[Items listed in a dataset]
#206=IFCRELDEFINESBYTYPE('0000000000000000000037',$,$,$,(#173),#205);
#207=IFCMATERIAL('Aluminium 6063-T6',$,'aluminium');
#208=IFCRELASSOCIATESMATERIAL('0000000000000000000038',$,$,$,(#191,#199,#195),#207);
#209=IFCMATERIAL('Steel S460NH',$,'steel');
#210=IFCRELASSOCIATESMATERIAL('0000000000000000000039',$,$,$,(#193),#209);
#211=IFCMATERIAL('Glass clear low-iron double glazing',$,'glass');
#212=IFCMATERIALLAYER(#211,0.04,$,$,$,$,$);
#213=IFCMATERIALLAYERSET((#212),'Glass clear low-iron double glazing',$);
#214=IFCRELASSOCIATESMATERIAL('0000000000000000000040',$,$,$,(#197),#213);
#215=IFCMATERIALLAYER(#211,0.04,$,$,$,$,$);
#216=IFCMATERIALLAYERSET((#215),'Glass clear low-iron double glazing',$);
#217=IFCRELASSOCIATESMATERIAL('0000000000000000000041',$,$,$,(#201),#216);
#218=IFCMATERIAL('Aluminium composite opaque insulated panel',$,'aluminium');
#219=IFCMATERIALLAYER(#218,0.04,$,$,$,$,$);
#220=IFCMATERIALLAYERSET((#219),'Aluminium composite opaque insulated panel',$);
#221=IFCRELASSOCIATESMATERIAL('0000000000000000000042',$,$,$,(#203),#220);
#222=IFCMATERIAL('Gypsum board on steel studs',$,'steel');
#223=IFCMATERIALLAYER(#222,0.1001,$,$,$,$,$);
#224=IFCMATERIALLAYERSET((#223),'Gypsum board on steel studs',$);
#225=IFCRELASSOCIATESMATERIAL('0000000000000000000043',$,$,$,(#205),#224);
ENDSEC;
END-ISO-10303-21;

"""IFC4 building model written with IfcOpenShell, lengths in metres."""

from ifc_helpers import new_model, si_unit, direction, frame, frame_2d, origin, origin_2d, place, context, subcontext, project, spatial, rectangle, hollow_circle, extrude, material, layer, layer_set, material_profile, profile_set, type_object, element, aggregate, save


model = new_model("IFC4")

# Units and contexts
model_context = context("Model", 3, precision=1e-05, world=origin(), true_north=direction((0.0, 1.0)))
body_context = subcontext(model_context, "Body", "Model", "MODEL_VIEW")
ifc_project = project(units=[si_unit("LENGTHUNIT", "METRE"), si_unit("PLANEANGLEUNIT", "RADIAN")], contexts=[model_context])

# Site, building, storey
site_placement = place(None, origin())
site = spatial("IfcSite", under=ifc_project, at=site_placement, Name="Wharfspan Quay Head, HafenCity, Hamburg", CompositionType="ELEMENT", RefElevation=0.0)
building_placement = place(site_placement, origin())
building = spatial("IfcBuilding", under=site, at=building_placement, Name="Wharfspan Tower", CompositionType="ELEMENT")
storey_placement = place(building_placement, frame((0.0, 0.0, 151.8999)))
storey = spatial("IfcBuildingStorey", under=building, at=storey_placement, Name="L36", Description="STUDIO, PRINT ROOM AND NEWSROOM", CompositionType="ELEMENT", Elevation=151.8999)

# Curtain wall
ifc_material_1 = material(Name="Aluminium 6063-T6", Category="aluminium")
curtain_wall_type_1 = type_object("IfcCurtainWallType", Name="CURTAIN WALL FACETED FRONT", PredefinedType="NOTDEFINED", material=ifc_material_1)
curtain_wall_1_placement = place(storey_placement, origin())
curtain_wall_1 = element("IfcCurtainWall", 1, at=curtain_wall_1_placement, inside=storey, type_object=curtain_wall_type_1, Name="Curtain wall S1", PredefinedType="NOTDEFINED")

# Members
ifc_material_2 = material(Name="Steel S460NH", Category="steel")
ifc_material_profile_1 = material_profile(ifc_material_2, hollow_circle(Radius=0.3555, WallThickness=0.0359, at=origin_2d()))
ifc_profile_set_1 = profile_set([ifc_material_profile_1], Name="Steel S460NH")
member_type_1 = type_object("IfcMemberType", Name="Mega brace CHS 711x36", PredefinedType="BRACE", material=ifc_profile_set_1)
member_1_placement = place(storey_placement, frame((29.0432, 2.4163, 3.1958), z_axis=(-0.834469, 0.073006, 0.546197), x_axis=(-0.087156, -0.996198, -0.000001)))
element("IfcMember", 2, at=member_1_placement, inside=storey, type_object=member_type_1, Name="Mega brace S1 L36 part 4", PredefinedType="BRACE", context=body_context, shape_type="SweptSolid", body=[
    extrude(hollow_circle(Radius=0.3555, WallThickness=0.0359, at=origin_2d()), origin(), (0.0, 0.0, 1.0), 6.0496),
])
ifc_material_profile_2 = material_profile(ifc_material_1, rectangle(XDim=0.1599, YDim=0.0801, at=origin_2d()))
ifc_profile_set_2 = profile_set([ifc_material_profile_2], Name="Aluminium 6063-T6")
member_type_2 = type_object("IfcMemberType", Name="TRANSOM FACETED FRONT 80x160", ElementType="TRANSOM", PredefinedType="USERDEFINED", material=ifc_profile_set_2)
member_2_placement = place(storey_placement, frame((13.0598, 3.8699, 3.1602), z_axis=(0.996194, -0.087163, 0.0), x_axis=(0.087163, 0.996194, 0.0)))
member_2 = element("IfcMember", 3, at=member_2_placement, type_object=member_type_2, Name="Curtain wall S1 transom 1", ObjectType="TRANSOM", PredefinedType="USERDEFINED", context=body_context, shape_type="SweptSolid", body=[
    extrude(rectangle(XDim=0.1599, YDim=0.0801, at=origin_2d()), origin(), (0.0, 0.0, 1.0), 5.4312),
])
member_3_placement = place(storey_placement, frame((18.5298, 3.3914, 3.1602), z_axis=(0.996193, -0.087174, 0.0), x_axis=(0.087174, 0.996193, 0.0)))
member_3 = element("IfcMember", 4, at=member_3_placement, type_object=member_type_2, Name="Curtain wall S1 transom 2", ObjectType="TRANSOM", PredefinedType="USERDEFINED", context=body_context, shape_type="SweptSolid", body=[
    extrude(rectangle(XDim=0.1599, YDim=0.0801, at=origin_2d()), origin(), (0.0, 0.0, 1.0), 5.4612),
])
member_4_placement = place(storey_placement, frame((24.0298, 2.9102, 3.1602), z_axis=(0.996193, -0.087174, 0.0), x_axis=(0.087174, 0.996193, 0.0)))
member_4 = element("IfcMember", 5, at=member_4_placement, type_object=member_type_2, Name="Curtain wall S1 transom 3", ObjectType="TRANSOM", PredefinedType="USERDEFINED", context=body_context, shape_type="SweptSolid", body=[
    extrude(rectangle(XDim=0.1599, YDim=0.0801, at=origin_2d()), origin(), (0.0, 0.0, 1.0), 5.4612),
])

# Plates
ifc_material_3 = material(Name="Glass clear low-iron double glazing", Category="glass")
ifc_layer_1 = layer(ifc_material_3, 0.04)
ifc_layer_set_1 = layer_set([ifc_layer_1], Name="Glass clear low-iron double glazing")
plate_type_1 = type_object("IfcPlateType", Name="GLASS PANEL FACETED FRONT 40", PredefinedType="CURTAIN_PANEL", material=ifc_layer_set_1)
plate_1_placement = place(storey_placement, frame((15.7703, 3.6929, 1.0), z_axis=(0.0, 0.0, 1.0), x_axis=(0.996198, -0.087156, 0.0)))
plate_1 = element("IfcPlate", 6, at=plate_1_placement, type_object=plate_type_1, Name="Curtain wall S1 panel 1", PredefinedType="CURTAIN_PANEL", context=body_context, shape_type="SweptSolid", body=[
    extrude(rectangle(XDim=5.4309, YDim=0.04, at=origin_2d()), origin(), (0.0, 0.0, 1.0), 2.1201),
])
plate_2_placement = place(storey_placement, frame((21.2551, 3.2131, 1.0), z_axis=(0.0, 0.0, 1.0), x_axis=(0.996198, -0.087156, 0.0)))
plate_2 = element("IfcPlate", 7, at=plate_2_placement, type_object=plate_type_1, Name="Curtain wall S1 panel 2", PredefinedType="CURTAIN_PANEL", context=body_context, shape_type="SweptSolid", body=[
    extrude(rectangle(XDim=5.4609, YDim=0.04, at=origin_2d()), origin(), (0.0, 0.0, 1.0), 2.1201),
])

= DIRECTIONS FOR THIS TASK =
Extract each line holding the word "Radius" from the records.

= RESULT FOR THIS EXERCISE =
ifc_material_profile_1 = material_profile(ifc_material_2, hollow_circle(Radius=0.3555, WallThickness=0.0359, at=origin_2d()))
    extrude(hollow_circle(Radius=0.3555, WallThickness=0.0359, at=origin_2d()), origin(), (0.0, 0.0, 1.0), 6.0496),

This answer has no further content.